§ TASK REQUIREMENTS: Repeat exactly the lines from the start of the records below through the line that contains "sun fin FN01-0655',$,'FIN',#103,#113,$,.USERDEFINED.);", including both.

___ EXCERPTED DATA ___

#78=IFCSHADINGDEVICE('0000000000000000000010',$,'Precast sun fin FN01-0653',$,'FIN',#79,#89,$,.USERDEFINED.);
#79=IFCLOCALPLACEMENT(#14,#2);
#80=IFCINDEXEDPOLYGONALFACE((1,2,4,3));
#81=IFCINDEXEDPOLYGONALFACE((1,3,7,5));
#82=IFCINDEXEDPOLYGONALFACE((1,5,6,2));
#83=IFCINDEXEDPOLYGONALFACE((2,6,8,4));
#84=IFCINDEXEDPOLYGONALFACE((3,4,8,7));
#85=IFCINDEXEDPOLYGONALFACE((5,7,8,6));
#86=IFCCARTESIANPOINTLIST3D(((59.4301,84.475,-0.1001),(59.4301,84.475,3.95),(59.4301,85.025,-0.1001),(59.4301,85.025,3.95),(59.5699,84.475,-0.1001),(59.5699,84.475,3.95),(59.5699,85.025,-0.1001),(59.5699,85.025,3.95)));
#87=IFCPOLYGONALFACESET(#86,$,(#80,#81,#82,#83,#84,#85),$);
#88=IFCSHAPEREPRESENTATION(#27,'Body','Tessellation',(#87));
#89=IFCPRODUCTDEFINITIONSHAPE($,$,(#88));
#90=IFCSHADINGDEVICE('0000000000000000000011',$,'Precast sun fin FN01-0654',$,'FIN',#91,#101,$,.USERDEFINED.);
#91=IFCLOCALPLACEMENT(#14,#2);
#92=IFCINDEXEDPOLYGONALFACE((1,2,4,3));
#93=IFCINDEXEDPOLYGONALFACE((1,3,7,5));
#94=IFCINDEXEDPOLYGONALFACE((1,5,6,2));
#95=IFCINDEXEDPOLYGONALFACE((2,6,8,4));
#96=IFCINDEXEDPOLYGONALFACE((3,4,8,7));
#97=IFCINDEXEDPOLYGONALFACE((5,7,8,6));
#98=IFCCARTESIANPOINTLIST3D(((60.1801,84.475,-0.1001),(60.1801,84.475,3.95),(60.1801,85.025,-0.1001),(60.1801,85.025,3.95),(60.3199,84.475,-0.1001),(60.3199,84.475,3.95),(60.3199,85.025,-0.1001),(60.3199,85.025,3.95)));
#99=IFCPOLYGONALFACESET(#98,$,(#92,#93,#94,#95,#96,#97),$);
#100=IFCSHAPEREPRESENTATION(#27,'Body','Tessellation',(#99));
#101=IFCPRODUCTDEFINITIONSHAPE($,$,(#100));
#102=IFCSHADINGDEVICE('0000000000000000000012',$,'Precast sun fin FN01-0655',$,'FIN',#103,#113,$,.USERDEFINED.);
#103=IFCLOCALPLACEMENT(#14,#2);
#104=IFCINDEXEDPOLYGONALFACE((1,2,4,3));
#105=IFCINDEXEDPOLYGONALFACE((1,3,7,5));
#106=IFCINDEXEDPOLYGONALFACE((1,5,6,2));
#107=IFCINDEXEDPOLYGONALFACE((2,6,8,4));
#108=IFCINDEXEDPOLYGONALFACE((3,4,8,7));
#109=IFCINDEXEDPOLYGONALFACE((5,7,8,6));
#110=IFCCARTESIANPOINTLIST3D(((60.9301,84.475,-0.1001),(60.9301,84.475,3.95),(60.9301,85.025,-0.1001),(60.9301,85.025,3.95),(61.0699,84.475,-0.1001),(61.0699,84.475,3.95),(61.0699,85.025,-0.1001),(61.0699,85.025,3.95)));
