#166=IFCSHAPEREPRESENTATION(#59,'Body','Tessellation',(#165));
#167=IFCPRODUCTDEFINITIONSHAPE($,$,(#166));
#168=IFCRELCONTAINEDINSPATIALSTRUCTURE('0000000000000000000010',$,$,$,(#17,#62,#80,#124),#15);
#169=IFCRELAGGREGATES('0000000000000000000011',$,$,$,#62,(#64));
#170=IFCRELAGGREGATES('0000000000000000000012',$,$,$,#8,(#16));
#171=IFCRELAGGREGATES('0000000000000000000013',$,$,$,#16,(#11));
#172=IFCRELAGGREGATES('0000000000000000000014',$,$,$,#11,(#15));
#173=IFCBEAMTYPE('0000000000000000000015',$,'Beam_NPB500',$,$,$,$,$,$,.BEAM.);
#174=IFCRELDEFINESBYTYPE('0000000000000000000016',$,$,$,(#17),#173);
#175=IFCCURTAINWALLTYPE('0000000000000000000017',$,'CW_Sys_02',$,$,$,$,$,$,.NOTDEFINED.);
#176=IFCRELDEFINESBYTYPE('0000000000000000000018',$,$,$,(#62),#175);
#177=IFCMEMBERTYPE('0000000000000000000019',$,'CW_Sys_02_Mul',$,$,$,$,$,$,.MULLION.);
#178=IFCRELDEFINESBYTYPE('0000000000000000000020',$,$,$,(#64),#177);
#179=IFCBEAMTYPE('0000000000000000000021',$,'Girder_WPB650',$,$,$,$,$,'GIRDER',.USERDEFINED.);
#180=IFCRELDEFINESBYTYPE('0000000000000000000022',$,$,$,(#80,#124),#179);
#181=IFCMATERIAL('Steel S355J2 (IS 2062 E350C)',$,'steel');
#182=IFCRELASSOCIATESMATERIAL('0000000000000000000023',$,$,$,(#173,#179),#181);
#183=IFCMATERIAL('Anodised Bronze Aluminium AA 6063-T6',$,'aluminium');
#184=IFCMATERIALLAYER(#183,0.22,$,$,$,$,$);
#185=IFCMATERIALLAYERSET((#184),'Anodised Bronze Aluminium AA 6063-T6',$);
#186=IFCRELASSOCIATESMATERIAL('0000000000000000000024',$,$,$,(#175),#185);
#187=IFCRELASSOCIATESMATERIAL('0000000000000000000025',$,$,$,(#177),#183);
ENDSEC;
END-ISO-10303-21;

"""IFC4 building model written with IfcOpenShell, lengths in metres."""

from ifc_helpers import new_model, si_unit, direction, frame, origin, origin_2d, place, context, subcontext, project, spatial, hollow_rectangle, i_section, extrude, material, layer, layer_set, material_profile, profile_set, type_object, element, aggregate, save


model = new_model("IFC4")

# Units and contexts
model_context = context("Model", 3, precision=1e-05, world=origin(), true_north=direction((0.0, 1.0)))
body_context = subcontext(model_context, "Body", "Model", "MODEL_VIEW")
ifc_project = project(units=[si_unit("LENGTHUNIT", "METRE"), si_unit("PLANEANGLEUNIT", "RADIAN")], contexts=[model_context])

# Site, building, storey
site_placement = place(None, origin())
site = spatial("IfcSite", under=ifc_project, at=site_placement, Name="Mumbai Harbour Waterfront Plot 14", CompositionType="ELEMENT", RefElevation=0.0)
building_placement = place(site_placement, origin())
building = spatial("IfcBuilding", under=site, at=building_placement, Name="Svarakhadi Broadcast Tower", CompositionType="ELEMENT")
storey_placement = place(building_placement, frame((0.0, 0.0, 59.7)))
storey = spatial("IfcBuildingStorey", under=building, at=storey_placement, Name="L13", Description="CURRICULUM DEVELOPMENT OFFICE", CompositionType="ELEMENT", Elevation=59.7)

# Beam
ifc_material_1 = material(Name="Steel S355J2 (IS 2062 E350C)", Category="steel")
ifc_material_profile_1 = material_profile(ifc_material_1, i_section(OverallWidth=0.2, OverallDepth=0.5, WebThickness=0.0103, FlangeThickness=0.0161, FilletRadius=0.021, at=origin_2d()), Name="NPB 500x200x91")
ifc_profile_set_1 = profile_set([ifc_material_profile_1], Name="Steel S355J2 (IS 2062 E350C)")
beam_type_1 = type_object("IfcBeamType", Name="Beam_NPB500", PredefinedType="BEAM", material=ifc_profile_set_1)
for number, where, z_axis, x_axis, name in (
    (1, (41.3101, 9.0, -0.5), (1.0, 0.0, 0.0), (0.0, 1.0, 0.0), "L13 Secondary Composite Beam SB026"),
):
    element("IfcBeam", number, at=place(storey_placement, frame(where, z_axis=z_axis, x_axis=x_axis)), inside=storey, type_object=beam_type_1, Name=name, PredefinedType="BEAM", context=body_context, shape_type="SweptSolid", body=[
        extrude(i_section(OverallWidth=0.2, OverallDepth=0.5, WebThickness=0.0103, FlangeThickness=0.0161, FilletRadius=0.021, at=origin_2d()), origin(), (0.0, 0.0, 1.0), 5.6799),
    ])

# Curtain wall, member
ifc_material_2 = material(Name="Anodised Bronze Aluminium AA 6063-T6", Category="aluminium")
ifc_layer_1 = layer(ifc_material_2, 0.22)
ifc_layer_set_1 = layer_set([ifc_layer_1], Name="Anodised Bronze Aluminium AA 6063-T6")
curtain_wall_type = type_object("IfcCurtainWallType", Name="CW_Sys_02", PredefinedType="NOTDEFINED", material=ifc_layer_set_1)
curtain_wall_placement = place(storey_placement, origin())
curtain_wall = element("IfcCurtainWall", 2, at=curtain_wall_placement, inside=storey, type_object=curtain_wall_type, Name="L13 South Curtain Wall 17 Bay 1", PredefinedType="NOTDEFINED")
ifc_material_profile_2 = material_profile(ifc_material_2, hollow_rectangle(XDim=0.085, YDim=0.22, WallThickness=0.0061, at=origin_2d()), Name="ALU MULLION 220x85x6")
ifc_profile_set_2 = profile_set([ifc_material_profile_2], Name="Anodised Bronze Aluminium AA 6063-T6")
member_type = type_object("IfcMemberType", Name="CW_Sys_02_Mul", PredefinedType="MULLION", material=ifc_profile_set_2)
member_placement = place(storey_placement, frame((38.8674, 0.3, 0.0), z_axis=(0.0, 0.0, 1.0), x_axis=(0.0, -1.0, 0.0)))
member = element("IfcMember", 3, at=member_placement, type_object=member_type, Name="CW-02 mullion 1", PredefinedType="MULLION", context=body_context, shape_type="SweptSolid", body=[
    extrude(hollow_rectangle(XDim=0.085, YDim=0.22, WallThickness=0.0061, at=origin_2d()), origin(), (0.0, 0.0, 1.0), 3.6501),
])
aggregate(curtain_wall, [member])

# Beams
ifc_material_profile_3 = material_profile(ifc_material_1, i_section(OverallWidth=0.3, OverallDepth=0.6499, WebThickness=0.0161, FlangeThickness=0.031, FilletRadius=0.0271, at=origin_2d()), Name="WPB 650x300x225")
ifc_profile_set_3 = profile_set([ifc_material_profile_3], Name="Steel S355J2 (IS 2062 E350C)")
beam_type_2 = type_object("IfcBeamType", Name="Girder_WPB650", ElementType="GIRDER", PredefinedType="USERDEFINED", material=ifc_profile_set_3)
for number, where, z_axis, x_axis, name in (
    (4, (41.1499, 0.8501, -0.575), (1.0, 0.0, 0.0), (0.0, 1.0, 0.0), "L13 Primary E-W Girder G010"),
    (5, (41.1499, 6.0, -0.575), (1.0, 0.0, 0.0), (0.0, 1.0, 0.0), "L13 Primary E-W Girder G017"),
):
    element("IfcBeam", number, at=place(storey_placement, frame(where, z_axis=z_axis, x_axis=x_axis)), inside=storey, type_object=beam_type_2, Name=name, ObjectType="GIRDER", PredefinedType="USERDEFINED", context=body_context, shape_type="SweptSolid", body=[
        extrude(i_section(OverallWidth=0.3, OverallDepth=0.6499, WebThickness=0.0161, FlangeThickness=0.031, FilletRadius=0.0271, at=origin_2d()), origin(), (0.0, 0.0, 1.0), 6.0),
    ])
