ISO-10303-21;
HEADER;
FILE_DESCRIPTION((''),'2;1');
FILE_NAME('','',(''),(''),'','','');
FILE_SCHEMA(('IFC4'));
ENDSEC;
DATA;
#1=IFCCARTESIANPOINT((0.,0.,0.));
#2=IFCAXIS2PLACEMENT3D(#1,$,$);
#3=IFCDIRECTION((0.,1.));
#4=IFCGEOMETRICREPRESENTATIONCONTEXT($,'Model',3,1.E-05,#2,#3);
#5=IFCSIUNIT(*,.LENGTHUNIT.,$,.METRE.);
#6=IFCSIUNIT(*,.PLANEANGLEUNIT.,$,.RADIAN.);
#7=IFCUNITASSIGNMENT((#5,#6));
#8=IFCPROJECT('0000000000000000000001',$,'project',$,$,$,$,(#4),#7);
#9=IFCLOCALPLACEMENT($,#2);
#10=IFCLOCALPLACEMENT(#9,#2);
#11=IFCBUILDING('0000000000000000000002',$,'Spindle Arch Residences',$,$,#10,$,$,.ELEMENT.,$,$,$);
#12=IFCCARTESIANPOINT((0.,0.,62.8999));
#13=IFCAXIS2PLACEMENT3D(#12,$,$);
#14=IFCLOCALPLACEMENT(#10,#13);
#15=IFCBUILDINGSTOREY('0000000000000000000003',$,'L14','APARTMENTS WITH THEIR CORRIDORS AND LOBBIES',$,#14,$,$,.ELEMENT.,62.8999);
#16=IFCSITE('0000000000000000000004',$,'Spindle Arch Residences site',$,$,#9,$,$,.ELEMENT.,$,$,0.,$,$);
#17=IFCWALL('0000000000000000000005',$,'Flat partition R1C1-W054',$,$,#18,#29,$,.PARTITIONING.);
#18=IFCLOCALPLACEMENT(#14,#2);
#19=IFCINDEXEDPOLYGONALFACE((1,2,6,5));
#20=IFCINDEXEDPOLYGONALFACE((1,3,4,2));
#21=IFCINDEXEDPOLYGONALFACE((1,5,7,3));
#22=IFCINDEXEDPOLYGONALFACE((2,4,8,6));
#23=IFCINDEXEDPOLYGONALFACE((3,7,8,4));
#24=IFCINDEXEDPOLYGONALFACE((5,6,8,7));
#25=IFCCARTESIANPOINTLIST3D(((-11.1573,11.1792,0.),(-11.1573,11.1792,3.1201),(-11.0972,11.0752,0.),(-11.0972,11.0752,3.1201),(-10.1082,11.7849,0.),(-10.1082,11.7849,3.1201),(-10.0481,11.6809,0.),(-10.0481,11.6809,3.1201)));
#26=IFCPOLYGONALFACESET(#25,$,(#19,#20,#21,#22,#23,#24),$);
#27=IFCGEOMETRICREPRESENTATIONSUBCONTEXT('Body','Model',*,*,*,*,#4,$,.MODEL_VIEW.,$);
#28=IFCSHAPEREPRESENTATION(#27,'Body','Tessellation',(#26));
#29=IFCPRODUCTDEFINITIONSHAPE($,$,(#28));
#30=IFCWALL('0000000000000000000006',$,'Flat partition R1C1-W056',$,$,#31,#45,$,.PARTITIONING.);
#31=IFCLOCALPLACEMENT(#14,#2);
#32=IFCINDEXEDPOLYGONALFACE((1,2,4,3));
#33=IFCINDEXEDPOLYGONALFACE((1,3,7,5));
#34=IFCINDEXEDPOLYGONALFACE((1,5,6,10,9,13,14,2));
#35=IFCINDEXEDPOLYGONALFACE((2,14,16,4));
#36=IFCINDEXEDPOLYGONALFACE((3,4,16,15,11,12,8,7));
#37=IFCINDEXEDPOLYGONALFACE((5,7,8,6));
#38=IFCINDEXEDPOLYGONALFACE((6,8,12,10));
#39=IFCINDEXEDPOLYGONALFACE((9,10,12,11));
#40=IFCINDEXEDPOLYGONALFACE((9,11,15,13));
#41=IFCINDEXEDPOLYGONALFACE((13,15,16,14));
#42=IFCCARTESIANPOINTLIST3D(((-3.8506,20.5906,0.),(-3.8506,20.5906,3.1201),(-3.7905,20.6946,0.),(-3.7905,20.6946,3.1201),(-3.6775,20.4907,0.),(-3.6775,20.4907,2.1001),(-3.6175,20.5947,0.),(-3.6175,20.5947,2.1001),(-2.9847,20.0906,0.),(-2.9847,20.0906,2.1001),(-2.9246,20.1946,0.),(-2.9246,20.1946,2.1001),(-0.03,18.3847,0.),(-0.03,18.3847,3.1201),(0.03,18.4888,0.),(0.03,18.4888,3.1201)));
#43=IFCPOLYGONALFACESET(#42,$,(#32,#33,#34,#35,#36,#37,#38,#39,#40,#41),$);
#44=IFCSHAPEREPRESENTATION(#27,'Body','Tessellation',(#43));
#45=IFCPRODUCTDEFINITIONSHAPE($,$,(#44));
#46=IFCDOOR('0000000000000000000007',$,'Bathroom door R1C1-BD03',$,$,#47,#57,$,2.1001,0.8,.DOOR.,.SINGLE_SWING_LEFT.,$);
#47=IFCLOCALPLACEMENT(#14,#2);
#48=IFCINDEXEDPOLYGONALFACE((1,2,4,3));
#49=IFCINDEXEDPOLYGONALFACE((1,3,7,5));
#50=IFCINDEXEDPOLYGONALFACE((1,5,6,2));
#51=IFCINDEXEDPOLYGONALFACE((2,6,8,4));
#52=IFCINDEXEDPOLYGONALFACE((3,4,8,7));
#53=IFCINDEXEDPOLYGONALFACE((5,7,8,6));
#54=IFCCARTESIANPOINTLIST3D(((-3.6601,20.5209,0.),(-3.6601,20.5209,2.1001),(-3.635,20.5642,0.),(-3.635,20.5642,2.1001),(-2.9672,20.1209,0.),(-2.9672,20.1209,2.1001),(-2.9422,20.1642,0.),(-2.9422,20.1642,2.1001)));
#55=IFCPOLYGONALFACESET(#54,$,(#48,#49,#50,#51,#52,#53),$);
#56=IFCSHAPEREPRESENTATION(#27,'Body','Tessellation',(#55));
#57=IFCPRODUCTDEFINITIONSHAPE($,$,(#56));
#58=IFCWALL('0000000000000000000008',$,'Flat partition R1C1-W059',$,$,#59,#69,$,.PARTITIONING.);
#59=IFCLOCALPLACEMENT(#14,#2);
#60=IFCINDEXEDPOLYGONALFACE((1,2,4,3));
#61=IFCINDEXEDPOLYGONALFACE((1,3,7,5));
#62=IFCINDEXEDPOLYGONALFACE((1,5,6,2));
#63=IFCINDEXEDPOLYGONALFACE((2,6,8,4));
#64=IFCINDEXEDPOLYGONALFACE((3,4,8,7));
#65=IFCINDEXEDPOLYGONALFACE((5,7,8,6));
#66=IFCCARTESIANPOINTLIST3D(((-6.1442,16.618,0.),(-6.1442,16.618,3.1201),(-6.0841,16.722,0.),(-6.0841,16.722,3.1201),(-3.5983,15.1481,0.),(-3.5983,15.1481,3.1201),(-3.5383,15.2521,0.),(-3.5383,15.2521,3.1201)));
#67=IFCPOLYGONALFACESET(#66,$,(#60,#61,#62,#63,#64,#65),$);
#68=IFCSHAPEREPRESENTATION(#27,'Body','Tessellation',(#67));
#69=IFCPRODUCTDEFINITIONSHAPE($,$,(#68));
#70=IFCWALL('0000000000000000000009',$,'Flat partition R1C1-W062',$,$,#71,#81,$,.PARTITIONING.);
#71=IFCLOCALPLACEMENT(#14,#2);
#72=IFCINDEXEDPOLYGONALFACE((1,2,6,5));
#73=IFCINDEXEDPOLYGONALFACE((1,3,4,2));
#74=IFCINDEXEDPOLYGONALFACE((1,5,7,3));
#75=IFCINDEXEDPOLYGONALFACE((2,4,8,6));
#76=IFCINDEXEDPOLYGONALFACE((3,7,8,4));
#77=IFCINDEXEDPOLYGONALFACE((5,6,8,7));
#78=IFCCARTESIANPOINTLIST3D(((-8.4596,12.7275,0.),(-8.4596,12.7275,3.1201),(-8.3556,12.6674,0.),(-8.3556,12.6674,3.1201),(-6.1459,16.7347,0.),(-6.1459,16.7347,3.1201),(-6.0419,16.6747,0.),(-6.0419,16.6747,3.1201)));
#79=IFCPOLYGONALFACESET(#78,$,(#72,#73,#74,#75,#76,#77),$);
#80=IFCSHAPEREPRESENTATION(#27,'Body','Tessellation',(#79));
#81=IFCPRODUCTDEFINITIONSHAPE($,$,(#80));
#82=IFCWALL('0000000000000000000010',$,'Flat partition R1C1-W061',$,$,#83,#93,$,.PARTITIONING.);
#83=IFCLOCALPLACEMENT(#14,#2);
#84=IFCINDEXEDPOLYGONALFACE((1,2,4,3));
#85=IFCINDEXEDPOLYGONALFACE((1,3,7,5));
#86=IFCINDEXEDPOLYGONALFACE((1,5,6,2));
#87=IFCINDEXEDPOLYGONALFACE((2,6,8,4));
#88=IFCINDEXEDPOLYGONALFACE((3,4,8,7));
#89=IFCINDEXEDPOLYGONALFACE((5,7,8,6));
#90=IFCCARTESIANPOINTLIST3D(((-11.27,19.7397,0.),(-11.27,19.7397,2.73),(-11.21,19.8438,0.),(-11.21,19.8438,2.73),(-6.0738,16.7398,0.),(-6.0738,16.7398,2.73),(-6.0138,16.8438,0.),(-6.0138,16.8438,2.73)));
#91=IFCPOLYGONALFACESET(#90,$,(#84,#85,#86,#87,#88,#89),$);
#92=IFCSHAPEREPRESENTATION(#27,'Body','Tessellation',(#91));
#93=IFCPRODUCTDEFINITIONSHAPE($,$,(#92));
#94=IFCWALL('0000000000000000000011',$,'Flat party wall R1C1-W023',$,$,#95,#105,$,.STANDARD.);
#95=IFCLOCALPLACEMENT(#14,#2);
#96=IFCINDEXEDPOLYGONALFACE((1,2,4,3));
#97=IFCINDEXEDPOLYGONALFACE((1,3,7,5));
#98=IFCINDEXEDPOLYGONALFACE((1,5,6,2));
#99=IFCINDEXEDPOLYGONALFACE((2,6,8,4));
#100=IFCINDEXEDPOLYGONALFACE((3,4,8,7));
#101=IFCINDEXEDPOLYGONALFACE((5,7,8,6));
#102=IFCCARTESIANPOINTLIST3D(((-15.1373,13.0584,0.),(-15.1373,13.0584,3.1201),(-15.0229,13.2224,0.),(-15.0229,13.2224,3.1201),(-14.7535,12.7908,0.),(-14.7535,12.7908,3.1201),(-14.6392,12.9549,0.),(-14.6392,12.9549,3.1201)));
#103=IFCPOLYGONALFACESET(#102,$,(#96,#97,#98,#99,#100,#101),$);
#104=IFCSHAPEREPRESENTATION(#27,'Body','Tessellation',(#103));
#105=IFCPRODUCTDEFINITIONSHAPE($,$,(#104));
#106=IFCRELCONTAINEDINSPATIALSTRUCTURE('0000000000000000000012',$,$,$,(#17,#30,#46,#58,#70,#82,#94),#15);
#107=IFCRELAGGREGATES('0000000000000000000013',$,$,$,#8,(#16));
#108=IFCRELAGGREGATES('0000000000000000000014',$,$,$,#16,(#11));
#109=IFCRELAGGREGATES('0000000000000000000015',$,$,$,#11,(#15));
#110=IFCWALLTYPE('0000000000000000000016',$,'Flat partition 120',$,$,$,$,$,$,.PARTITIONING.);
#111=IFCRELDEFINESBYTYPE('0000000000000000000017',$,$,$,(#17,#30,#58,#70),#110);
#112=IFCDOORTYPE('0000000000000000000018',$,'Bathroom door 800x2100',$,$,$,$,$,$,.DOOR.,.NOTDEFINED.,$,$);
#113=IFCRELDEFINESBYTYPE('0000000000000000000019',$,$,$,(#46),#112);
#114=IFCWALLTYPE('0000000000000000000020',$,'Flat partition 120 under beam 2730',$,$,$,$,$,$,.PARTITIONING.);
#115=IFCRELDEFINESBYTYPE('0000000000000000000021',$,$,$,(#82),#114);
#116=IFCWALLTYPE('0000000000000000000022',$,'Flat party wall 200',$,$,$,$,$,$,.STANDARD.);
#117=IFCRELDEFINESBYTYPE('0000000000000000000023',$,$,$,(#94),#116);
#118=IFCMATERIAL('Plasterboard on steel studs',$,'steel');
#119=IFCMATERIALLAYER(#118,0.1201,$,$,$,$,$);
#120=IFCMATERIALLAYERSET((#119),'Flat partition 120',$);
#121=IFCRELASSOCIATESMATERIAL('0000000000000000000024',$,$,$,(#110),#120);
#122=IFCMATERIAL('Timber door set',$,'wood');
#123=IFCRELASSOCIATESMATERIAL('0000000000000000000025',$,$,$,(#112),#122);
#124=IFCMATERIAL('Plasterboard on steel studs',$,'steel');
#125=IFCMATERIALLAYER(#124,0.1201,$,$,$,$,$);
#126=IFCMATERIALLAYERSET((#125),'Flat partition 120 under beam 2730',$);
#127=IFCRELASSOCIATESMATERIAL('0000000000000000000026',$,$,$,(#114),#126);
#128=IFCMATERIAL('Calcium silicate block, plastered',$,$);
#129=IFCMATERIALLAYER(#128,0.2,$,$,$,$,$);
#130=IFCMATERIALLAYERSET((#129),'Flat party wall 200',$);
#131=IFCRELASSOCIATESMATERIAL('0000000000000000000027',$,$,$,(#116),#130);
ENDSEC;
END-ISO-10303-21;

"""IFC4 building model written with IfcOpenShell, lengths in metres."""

from ifc_helpers import new_model, si_unit, direction, frame, frame_2d, origin, place, context, subcontext, project, spatial, rectangle, extrude, material, layer, layer_set, type_object, element, fill, save


model = new_model("IFC4")

# Units and contexts
model_context = context("Model", 3, precision=1e-05, world=origin(), true_north=direction((0.0, 1.0)))
body_context = subcontext(model_context, "Body", "Model", "MODEL_VIEW")
ifc_project = project(units=[si_unit("LENGTHUNIT", "METRE"), si_unit("PLANEANGLEUNIT", "RADIAN")], contexts=[model_context])

# Site, building, storey
site_placement = place(None, origin())
site = spatial("IfcSite", under=ifc_project, at=site_placement, Name="Spindle Arch Residences site", CompositionType="ELEMENT", RefElevation=0.0)
building_placement = place(site_placement, origin())
building = spatial("IfcBuilding", under=site, at=building_placement, Name="Spindle Arch Residences", CompositionType="ELEMENT")
storey_placement = place(building_placement, frame((0.0, 0.0, 62.8999)))
storey = spatial("IfcBuildingStorey", under=building, at=storey_placement, Name="L14", Description="APARTMENTS WITH THEIR CORRIDORS AND LOBBIES", CompositionType="ELEMENT", Elevation=62.8999)

# Shared definitions
ifc_material_1 = material(Name="Plasterboard on steel studs", Category="steel")
ifc_layer_1 = layer(ifc_material_1, 0.1201)
ifc_layer_set_1 = layer_set([ifc_layer_1], Name="Flat partition 120")
wall_type_1 = type_object("IfcWallType", Name="Flat partition 120", PredefinedType="PARTITIONING", material=ifc_layer_set_1)
ifc_material_2 = material(Name="Timber door set", Category="wood")
door_type_1 = type_object("IfcDoorType", Name="Bathroom door 800x2100", OperationType="NOTDEFINED", PredefinedType="DOOR", material=ifc_material_2)

# Wall
wall_1_placement = place(storey_placement, frame((-10.0781, 11.7329, 0.0), z_axis=(0.0, 0.0, 1.0), x_axis=(-0.866014, -0.500019, 0.0)))
element("IfcWall", 1, at=wall_1_placement, inside=storey, type_object=wall_type_1, Name="Flat partition R1C1-W054", PredefinedType="PARTITIONING", context=body_context, shape_type="SweptSolid", body=[
    extrude(rectangle(XDim=1.2114, YDim=0.1201, at=frame_2d((0.6057, 0.0))), origin(), (0.0, 0.0, 1.0), 3.1201),
])

# Wall, opening, door
wall_2_placement = place(storey_placement, frame((-3.8206, 20.6426, 0.0), z_axis=(0.0, 0.0, 1.0), x_axis=(0.866024, -0.500002, 0.0)))
wall_2 = element("IfcWall", 2, at=wall_2_placement, inside=storey, type_object=wall_type_1, Name="Flat partition R1C1-W056", PredefinedType="PARTITIONING", context=body_context, shape_type="SweptSolid", body=[
    extrude(rectangle(XDim=4.4116, YDim=0.1201, at=frame_2d((2.2058, 0.0))), origin(), (0.0, 0.0, 1.0), 3.1201),
])
opening_1_placement = place(wall_2_placement, frame((0.2, 0.0, 0.0)))
opening_1 = element("IfcOpeningElement", 3, at=opening_1_placement, cuts=wall_2, PredefinedType="OPENING", context=body_context, shape_type="SweptSolid", body=[
    extrude(rectangle(XDim=0.8, YDim=2.1001, at=frame_2d((0.3999, 1.05))), frame((0.0, 0.0701, 0.0), z_axis=(0.0, -1.0, 0.0), x_axis=(1.0, 0.0, 0.0)), (0.0, 0.0, 1.0), 0.1401),
])
door_1_placement = place(opening_1_placement, origin())
door_1 = element("IfcDoor", 4, at=door_1_placement, inside=storey, type_object=door_type_1, Name="Bathroom door R1C1-BD03", OperationType="SINGLE_SWING_LEFT", OverallHeight=2.1001, OverallWidth=0.8, PredefinedType="DOOR", context=body_context, shape_type="SweptSolid", body=[
    extrude(rectangle(XDim=0.8, YDim=2.1001, at=frame_2d((0.3999, 1.05))), frame((0.0, 0.0249, 0.0), z_axis=(0.0, -1.0, 0.0), x_axis=(1.0, 0.0, 0.0)), (0.0, 0.0, 1.0), 0.05),
])
fill(opening_1, door_1)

___

§ ANSWER SECTION:
#78=IFCSHADINGDEVICE('0000000000000000000010',$,'Precast sun fin FN01-0653',$,'FIN',#79,#89,$,.USERDEFINED.);
#79=IFCLOCALPLACEMENT(#14,#2);
#80=IFCINDEXEDPOLYGONALFACE((1,2,4,3));
#81=IFCINDEXEDPOLYGONALFACE((1,3,7,5));
#82=IFCINDEXEDPOLYGONALFACE((1,5,6,2));
#83=IFCINDEXEDPOLYGONALFACE((2,6,8,4));
#84=IFCINDEXEDPOLYGONALFACE((3,4,8,7));
#85=IFCINDEXEDPOLYGONALFACE((5,7,8,6));
#86=IFCCARTESIANPOINTLIST3D(((59.4301,84.475,-0.1001),(59.4301,84.475,3.95),(59.4301,85.025,-0.1001),(59.4301,85.025,3.95),(59.5699,84.475,-0.1001),(59.5699,84.475,3.95),(59.5699,85.025,-0.1001),(59.5699,85.025,3.95)));
#87=IFCPOLYGONALFACESET(#86,$,(#80,#81,#82,#83,#84,#85),$);
#88=IFCSHAPEREPRESENTATION(#27,'Body','Tessellation',(#87));
#89=IFCPRODUCTDEFINITIONSHAPE($,$,(#88));
#90=IFCSHADINGDEVICE('0000000000000000000011',$,'Precast sun fin FN01-0654',$,'FIN',#91,#101,$,.USERDEFINED.);
#91=IFCLOCALPLACEMENT(#14,#2);
#92=IFCINDEXEDPOLYGONALFACE((1,2,4,3));
#93=IFCINDEXEDPOLYGONALFACE((1,3,7,5));
#94=IFCINDEXEDPOLYGONALFACE((1,5,6,2));
#95=IFCINDEXEDPOLYGONALFACE((2,6,8,4));
#96=IFCINDEXEDPOLYGONALFACE((3,4,8,7));
#97=IFCINDEXEDPOLYGONALFACE((5,7,8,6));
#98=IFCCARTESIANPOINTLIST3D(((60.1801,84.475,-0.1001),(60.1801,84.475,3.95),(60.1801,85.025,-0.1001),(60.1801,85.025,3.95),(60.3199,84.475,-0.1001),(60.3199,84.475,3.95),(60.3199,85.025,-0.1001),(60.3199,85.025,3.95)));
#99=IFCPOLYGONALFACESET(#98,$,(#92,#93,#94,#95,#96,#97),$);
#100=IFCSHAPEREPRESENTATION(#27,'Body','Tessellation',(#99));
#101=IFCPRODUCTDEFINITIONSHAPE($,$,(#100));
#102=IFCSHADINGDEVICE('0000000000000000000012',$,'Precast sun fin FN01-0655',$,'FIN',#103,#113,$,.USERDEFINED.);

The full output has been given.